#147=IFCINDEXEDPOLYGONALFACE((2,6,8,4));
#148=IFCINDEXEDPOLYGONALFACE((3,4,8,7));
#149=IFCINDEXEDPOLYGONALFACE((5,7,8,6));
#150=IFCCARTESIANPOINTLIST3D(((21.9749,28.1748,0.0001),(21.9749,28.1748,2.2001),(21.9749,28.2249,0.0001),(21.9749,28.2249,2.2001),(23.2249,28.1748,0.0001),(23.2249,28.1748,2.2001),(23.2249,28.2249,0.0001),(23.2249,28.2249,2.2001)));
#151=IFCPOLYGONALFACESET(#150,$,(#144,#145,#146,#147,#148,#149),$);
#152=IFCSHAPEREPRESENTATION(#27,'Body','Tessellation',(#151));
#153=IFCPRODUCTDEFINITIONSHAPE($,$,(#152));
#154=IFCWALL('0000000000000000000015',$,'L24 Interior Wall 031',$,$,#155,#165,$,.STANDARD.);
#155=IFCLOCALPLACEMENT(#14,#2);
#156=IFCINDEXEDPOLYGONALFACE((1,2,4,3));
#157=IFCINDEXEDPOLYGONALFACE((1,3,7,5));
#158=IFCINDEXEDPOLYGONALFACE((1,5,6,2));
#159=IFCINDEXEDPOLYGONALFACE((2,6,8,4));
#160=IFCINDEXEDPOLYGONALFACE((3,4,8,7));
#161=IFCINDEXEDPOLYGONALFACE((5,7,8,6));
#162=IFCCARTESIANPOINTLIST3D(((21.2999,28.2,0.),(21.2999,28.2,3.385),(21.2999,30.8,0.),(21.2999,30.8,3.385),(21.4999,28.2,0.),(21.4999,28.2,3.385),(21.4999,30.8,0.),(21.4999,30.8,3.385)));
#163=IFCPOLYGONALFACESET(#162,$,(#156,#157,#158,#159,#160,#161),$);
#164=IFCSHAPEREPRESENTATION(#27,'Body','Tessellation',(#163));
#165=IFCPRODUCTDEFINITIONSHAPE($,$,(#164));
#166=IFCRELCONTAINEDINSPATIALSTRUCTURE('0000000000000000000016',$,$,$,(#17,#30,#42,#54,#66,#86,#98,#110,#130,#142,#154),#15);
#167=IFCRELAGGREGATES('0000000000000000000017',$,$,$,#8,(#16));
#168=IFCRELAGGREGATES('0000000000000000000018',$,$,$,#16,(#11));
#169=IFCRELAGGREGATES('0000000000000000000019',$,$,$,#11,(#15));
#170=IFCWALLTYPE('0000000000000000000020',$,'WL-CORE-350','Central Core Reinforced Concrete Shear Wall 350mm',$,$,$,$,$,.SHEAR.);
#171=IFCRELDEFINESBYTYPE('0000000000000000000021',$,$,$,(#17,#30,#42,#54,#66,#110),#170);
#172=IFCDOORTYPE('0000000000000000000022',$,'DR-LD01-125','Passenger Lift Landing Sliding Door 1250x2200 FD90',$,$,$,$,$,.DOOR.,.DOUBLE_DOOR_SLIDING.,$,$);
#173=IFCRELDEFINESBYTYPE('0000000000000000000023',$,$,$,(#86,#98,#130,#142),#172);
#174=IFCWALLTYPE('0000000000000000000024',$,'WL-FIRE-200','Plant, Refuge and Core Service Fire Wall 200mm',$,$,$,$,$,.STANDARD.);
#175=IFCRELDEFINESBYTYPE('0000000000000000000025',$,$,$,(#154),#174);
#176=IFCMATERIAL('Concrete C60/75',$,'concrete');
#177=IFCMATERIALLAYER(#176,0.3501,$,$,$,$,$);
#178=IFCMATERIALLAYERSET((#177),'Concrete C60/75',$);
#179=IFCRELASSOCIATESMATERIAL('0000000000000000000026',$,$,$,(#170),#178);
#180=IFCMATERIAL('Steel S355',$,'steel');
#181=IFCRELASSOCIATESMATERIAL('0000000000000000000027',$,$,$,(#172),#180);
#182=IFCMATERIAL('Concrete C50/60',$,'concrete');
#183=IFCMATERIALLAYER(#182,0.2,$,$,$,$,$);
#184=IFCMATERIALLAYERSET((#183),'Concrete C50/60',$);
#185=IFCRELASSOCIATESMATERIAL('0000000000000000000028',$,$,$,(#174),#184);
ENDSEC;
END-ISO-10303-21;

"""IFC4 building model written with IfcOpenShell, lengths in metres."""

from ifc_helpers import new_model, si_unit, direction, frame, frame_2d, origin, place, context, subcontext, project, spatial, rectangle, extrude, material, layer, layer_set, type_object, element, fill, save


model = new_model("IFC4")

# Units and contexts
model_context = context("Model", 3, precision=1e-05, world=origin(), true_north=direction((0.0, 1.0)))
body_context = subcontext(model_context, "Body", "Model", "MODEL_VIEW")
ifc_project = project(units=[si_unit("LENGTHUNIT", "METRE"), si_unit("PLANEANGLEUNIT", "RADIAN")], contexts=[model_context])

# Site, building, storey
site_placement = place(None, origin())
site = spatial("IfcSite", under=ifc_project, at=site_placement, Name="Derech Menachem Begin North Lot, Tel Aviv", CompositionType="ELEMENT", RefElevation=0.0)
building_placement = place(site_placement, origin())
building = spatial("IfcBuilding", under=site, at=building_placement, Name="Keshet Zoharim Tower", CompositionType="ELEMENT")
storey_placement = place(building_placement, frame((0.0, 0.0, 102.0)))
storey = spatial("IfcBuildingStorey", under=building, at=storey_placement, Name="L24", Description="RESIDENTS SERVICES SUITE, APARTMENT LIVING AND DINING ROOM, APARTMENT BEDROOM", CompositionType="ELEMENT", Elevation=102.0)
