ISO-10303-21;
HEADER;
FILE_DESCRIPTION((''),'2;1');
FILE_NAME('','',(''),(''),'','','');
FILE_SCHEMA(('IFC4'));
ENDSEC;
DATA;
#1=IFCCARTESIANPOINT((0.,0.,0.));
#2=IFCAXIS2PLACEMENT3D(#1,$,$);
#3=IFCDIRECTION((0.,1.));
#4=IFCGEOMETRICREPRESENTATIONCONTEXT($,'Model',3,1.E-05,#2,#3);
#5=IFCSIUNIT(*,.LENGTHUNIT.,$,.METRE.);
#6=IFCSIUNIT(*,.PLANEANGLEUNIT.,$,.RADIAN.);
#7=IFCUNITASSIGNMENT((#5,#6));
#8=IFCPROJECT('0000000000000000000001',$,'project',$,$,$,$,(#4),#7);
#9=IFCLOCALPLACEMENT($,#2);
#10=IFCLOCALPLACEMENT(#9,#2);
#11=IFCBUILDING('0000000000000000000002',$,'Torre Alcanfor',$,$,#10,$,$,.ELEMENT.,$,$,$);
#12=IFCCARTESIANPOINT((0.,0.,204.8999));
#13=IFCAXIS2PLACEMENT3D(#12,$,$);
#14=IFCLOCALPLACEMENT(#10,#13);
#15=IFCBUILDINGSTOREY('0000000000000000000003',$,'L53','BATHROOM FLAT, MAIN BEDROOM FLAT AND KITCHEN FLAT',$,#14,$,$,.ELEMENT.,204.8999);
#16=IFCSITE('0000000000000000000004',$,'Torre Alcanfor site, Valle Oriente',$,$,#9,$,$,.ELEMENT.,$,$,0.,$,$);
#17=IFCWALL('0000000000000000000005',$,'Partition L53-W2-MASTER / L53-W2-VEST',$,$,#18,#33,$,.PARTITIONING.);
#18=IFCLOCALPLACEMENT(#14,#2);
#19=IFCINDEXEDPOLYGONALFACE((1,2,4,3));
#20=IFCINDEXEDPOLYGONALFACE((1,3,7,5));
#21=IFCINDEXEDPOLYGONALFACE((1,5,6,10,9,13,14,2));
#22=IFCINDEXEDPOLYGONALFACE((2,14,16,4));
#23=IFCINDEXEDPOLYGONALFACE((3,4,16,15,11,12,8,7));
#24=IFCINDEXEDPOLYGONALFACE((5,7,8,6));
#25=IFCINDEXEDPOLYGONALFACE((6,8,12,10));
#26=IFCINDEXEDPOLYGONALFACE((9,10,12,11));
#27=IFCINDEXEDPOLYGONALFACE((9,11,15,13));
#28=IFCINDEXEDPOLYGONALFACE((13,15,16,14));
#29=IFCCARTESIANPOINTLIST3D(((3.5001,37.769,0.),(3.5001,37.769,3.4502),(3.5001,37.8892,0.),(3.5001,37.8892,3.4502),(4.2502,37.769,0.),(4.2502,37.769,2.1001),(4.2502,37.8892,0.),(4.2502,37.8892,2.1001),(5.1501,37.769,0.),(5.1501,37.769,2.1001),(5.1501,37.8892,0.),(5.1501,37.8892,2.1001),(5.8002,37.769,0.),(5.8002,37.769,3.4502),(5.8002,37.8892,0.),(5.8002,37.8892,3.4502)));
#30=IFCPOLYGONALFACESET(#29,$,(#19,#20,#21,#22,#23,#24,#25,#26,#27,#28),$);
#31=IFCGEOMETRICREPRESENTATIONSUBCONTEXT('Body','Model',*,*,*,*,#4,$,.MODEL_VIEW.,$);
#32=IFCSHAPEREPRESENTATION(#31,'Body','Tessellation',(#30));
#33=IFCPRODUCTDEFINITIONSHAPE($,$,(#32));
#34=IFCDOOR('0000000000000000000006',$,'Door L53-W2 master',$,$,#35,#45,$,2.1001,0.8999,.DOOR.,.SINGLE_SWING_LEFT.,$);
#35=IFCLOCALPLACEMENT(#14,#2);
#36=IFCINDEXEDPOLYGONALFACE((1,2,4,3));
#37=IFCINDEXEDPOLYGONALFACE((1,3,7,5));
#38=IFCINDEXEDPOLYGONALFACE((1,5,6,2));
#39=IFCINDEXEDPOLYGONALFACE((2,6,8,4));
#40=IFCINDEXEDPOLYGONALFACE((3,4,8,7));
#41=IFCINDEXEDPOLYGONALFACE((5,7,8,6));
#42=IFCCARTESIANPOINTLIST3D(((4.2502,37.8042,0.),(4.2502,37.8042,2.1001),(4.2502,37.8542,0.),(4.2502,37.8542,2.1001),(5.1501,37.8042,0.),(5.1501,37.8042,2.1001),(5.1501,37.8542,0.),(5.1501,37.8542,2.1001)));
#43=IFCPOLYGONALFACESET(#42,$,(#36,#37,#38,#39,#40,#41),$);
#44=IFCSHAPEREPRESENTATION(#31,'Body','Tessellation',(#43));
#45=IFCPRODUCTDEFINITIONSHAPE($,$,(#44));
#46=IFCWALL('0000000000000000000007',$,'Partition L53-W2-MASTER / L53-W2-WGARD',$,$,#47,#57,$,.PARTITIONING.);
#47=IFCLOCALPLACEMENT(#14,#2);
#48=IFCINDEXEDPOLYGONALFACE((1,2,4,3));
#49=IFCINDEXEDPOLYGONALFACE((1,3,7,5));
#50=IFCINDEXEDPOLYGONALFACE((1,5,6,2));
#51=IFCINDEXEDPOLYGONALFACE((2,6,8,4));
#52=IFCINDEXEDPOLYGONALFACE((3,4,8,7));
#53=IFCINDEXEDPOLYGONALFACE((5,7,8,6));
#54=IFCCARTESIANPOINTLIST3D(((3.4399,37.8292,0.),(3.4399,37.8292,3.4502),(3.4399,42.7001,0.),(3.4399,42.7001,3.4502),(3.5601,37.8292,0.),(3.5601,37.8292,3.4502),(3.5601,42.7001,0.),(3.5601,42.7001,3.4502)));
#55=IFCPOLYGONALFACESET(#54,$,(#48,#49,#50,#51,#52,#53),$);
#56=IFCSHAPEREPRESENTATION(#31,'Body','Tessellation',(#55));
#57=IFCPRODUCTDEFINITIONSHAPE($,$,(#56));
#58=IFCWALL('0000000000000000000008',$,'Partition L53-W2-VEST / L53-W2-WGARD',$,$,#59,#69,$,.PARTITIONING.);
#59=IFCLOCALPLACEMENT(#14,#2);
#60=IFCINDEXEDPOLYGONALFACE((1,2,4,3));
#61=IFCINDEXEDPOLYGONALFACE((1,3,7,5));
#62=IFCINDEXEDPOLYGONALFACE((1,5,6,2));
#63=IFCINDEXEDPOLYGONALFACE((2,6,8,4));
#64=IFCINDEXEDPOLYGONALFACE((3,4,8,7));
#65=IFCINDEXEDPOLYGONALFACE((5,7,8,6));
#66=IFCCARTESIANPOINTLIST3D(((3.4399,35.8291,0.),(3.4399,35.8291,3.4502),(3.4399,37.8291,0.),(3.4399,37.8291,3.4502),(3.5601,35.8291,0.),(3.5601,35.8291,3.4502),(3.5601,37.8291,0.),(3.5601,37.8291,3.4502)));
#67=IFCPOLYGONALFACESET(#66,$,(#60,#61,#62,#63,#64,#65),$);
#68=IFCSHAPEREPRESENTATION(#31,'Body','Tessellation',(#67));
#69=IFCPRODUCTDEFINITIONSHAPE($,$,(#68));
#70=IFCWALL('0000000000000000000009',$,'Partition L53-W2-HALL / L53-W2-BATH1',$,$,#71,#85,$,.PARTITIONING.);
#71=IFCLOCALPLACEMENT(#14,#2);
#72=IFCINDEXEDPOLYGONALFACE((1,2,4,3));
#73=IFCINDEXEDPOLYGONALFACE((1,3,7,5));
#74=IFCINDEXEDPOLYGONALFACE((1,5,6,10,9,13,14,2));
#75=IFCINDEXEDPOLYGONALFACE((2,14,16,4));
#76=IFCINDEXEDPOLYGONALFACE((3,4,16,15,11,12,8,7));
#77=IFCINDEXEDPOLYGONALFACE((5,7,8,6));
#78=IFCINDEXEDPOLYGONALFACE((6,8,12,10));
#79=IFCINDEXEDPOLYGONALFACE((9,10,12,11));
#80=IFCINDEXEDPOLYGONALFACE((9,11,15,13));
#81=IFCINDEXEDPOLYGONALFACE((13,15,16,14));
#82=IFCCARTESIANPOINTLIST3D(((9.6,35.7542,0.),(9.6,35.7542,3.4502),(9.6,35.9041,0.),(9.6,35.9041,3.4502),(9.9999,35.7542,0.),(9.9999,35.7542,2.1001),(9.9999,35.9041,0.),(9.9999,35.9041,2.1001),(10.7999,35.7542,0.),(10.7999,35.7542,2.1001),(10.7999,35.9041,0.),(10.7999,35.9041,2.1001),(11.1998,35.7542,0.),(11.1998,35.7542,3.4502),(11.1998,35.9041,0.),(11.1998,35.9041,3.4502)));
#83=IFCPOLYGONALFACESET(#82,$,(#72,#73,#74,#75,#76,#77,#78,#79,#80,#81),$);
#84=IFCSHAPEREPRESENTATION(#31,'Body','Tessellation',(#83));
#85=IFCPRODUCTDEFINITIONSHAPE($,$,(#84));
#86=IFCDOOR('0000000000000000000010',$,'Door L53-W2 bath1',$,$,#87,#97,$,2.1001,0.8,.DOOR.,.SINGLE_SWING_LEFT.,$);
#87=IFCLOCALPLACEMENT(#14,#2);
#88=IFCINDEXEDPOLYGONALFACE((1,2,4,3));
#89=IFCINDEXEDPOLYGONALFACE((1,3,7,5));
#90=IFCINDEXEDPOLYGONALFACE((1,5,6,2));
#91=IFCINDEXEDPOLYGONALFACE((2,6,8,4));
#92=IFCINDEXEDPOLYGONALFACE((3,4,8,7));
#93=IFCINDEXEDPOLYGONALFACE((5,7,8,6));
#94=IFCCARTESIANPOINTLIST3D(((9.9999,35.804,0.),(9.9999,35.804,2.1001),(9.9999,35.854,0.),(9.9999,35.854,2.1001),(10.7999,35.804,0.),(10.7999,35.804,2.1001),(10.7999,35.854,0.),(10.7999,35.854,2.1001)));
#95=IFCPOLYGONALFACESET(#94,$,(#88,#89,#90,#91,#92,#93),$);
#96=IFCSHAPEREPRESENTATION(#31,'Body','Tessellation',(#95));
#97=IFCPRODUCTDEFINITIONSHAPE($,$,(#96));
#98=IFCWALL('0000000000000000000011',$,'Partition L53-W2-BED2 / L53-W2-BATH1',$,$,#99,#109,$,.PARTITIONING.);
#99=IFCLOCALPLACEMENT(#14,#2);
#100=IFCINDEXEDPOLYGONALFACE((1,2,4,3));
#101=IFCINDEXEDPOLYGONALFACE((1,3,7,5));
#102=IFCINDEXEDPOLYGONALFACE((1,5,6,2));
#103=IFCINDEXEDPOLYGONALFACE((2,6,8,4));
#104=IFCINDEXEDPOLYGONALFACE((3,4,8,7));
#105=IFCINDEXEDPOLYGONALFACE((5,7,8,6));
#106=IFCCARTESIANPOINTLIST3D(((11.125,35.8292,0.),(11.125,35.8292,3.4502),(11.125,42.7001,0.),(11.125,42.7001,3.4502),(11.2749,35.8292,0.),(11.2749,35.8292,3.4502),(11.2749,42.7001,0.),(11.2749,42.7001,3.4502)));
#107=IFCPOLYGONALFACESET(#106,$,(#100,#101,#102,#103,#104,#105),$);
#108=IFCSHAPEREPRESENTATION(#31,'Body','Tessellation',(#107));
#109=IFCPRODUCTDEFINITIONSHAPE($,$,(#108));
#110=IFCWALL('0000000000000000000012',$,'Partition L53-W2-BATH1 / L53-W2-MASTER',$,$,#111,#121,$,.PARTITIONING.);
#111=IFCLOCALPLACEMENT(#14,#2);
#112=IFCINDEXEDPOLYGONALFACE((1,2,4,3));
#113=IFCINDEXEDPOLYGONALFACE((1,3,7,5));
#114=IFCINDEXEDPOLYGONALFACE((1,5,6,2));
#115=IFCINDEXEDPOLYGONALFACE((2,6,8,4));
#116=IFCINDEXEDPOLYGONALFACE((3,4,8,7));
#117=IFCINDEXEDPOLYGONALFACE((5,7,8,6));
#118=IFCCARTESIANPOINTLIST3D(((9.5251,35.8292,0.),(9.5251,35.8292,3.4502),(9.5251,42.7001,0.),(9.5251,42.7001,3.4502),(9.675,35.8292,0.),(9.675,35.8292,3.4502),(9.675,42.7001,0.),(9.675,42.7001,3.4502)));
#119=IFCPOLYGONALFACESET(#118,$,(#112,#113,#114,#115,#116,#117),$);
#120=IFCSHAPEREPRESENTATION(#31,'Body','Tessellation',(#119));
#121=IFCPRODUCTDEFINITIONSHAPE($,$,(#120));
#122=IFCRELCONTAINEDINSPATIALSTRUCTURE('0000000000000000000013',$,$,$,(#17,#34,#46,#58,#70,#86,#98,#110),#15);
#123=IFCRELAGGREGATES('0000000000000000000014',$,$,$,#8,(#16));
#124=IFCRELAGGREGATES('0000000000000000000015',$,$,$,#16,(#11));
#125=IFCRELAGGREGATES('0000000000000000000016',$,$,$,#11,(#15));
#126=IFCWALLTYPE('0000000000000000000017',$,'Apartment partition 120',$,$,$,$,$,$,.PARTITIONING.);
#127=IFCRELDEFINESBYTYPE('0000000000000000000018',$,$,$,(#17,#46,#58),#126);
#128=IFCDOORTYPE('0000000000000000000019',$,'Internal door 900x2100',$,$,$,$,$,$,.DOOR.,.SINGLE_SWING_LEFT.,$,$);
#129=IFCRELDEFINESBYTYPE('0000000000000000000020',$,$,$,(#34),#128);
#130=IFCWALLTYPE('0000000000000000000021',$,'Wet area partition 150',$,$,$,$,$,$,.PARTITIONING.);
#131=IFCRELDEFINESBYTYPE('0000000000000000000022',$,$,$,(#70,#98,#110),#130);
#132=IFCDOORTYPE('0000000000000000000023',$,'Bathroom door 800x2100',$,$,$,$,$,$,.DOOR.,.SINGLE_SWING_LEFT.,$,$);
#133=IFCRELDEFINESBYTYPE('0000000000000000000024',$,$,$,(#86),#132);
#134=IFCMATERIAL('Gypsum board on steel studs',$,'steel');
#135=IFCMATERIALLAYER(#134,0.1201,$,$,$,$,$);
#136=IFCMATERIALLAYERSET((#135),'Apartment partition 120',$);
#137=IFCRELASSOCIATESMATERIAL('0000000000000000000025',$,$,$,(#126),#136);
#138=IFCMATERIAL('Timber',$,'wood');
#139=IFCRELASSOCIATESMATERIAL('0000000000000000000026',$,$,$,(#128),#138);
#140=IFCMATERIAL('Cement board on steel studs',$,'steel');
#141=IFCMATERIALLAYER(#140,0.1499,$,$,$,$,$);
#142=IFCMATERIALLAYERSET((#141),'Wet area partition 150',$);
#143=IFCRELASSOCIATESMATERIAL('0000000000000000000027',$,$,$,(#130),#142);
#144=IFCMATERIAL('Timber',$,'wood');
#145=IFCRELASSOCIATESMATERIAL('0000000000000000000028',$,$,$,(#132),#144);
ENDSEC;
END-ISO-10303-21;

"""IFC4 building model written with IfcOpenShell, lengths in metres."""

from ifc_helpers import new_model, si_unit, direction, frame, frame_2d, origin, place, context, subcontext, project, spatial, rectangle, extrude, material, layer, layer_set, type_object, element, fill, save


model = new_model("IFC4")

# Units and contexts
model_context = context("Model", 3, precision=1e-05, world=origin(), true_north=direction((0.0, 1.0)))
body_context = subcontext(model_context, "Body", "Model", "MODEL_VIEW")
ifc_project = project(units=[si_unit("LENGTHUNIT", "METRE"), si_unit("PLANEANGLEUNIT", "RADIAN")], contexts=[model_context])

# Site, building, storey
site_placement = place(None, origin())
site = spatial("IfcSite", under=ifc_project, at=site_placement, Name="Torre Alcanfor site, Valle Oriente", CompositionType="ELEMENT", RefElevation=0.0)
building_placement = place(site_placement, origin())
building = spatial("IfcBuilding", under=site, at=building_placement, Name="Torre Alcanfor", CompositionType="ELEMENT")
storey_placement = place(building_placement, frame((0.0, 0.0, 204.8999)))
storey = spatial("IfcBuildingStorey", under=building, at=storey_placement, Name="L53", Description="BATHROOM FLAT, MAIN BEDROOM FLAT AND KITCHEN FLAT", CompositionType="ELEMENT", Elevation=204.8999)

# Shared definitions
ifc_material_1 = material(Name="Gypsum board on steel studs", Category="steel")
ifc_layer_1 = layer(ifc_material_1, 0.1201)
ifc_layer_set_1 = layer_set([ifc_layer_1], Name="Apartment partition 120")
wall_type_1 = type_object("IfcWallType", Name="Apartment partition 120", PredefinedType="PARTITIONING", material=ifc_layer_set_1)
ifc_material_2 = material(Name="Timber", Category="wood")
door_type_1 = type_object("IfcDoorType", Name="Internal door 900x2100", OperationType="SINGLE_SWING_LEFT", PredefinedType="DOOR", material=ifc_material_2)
####################
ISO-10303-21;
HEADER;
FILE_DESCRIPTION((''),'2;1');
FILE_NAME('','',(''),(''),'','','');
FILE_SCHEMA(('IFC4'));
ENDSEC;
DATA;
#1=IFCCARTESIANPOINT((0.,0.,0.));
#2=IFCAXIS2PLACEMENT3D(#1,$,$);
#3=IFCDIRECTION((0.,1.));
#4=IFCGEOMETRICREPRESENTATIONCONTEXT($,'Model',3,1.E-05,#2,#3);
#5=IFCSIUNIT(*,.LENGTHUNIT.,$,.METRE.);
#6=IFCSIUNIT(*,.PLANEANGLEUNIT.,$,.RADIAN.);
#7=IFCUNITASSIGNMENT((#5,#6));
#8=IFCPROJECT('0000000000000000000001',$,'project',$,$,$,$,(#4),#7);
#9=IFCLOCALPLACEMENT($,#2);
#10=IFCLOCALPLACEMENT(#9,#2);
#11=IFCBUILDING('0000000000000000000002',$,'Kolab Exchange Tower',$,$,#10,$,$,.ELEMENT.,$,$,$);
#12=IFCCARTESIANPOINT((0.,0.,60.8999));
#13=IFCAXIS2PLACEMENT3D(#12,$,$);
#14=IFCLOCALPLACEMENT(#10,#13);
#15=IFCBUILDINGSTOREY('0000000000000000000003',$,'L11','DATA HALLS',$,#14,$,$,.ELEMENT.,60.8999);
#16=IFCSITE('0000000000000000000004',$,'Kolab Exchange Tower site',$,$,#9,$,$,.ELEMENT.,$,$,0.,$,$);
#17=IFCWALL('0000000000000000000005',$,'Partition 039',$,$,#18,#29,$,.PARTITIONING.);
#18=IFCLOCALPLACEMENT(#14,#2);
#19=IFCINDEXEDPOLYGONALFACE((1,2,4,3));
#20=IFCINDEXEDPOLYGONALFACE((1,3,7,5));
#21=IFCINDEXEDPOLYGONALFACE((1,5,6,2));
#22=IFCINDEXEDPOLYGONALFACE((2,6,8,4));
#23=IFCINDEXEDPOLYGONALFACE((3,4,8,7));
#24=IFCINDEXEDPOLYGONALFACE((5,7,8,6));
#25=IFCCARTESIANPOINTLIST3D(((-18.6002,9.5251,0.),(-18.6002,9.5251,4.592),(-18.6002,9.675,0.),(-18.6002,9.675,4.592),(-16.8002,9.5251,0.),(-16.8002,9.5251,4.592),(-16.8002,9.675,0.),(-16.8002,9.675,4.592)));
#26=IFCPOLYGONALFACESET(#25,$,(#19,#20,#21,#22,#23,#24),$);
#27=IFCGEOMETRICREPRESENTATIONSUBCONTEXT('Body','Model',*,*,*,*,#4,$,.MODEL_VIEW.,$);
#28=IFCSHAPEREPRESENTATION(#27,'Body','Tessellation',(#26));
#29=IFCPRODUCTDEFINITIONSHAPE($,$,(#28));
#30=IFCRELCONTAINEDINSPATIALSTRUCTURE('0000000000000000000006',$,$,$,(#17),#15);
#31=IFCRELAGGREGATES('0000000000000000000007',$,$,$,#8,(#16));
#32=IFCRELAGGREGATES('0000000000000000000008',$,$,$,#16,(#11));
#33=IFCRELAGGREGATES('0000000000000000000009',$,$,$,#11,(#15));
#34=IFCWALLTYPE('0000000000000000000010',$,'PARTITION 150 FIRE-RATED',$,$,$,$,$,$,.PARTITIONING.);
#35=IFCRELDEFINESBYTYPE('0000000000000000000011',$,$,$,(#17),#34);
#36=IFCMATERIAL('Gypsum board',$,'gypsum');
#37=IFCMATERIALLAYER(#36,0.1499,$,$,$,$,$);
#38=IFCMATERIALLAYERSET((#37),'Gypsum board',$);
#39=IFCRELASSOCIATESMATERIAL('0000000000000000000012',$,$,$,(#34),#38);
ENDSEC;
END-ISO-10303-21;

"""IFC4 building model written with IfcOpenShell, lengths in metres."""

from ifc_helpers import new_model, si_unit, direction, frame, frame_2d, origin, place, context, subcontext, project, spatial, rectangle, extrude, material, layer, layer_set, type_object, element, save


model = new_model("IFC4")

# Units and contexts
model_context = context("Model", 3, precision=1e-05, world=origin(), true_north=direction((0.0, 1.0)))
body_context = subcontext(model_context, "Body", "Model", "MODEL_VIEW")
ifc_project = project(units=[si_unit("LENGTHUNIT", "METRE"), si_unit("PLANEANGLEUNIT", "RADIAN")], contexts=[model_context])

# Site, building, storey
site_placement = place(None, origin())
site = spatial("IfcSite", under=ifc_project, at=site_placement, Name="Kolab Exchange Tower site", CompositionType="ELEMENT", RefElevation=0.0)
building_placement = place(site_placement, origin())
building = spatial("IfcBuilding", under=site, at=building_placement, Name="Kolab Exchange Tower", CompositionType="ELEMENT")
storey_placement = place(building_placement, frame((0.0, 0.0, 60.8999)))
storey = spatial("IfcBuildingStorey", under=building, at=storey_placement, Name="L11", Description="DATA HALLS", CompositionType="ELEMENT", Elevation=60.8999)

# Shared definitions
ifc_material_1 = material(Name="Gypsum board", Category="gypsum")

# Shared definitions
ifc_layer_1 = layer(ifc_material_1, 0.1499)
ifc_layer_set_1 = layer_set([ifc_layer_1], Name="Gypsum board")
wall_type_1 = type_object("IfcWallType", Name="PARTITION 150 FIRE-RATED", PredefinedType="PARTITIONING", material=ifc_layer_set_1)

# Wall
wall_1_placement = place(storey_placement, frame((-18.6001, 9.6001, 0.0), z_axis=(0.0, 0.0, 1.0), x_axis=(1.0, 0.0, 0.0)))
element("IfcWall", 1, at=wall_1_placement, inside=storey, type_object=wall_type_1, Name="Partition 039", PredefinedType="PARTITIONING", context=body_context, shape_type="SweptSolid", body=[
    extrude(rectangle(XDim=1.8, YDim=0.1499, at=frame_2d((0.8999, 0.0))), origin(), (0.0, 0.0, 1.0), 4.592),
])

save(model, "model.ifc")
####################
Where the data above reaches the line holding "#84=IFCSHAPEREPRESENTATION(#31,'Body','Tessellation',(#83));", begin printing, and stop after the line holding "#88=IFCINDEXEDPOLYGONALFACE((1,2,4,3));". Each line must be reproduced exactly, with nothing else added.

## EXERCISE RESULT
#84=IFCSHAPEREPRESENTATION(#31,'Body','Tessellation',(#83));
#85=IFCPRODUCTDEFINITIONSHAPE($,$,(#84));
#86=IFCDOOR('0000000000000000000010',$,'Door L53-W2 bath1',$,$,#87,#97,$,2.1001,0.8,.DOOR.,.SINGLE_SWING_LEFT.,$);
#87=IFCLOCALPLACEMENT(#14,#2);
#88=IFCINDEXEDPOLYGONALFACE((1,2,4,3));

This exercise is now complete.